#### [TRY IT]
Entries follow. Give back exactly the lines starting at the one containing "#196=IFCMATERIALLAYER(#195,0.03,$,$,$,$,$);" and ending at the one containing "#199=IFCMATERIALLAYER(#195,0.0601,$,$,$,$,$);", and no other lines.

Stored data:
=== Begin Enclosure ===

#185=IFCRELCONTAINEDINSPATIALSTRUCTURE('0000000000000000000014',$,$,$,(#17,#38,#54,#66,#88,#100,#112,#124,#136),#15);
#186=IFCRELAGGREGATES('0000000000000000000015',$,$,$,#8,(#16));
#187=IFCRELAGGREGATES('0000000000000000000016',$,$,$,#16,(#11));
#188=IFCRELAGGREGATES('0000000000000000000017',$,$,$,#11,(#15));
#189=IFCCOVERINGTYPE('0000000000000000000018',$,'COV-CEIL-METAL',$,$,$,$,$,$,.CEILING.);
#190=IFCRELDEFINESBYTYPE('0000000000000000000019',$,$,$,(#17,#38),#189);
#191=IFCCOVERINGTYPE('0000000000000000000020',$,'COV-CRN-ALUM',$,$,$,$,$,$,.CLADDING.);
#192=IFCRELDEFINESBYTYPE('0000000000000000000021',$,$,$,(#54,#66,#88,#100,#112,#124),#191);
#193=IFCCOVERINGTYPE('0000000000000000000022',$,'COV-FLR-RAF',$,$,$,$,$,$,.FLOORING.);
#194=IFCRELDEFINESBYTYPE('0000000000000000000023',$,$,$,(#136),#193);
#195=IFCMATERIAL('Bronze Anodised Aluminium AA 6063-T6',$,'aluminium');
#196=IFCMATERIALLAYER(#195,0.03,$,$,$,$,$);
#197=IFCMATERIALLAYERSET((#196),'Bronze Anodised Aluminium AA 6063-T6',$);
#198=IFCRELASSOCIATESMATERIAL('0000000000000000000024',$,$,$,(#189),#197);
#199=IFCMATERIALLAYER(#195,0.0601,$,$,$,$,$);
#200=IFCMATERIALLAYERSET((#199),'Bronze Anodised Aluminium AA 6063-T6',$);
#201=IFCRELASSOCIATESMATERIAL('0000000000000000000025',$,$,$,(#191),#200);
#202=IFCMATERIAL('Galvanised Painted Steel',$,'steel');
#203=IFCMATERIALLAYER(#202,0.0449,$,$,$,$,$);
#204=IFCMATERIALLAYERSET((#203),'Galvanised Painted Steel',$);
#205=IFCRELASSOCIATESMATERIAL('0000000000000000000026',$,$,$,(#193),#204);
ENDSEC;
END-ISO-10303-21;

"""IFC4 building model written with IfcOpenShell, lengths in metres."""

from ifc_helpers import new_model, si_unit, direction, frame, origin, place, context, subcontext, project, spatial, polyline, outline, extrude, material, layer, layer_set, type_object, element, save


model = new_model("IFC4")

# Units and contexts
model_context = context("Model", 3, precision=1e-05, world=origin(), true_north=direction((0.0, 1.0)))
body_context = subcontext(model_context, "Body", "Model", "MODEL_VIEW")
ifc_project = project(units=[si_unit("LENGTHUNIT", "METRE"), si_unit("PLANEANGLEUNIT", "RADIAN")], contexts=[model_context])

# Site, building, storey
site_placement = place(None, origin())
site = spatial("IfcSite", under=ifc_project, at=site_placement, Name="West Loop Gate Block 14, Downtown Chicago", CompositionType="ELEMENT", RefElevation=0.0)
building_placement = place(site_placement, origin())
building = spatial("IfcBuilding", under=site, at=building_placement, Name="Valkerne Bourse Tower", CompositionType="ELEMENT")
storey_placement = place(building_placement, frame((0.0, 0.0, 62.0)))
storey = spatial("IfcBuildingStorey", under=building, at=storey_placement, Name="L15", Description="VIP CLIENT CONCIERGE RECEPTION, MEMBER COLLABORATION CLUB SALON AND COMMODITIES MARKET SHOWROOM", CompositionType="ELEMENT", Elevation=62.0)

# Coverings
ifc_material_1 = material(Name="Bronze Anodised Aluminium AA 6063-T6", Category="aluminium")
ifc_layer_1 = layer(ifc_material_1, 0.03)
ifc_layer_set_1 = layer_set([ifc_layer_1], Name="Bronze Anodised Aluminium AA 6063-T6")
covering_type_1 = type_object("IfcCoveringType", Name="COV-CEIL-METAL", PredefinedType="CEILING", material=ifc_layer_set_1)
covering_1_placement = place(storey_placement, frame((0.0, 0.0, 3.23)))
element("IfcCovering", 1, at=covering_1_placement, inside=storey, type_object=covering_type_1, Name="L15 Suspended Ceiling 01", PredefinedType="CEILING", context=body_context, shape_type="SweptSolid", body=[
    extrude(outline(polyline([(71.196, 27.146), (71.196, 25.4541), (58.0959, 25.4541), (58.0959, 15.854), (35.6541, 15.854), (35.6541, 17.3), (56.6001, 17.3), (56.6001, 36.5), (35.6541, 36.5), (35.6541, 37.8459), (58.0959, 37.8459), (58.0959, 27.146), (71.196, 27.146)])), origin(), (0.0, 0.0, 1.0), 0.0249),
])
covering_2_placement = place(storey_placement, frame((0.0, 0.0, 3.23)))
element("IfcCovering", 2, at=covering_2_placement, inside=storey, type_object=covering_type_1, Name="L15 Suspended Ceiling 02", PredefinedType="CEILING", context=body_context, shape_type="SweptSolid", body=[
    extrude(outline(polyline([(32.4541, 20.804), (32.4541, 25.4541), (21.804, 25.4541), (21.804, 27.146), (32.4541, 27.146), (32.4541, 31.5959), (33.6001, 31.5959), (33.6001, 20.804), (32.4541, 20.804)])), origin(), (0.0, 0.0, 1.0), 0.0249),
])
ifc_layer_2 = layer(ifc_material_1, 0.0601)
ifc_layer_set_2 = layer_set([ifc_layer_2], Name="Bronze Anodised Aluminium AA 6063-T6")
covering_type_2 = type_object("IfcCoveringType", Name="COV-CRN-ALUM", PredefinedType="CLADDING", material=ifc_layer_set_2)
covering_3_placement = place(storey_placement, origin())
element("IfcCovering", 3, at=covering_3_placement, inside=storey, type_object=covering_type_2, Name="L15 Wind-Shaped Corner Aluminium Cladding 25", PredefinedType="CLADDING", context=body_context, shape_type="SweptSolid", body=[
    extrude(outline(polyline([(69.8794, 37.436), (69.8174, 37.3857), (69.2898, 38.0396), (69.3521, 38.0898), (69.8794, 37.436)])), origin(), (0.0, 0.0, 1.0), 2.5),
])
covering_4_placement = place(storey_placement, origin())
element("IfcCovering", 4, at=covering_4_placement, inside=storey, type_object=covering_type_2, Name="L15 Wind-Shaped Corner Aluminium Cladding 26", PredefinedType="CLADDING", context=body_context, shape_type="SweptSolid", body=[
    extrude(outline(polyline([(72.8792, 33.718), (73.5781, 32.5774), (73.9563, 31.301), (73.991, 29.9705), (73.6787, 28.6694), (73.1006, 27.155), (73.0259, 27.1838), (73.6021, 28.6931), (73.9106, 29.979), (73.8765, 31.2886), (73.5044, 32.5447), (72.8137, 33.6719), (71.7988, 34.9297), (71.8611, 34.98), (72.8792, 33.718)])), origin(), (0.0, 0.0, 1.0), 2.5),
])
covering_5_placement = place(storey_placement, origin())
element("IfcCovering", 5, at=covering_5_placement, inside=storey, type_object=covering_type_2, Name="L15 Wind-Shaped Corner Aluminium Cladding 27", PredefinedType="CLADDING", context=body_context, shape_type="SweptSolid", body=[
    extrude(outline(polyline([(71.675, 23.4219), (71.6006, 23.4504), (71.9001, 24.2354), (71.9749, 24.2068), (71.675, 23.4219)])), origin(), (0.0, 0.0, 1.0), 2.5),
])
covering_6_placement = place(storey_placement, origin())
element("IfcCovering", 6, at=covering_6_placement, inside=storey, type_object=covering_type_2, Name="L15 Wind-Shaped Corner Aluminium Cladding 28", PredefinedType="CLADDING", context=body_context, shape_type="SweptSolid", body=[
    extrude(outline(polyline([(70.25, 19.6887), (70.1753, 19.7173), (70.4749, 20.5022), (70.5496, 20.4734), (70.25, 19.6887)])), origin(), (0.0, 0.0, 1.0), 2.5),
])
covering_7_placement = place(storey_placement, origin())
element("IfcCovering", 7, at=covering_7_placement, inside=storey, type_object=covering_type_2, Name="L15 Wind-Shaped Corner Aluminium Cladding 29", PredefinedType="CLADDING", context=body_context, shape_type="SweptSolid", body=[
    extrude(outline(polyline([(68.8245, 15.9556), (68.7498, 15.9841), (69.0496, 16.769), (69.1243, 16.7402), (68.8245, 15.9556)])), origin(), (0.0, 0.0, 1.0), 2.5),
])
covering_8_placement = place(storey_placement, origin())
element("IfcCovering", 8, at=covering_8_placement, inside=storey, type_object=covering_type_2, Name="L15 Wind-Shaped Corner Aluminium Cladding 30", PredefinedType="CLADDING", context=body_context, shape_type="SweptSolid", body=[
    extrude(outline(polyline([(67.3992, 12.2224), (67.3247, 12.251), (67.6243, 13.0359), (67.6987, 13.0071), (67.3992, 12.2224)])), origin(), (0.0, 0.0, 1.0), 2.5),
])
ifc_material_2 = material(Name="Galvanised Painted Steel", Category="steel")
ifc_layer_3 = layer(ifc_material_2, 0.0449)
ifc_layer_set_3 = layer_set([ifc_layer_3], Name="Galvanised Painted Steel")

=== End Enclosure ===

#### [EXERCISE ANSWER]
#196=IFCMATERIALLAYER(#195,0.03,$,$,$,$,$);
#197=IFCMATERIALLAYERSET((#196),'Bronze Anodised Aluminium AA 6063-T6',$);
#198=IFCRELASSOCIATESMATERIAL('0000000000000000000024',$,$,$,(#189),#197);
#199=IFCMATERIALLAYER(#195,0.0601,$,$,$,$,$);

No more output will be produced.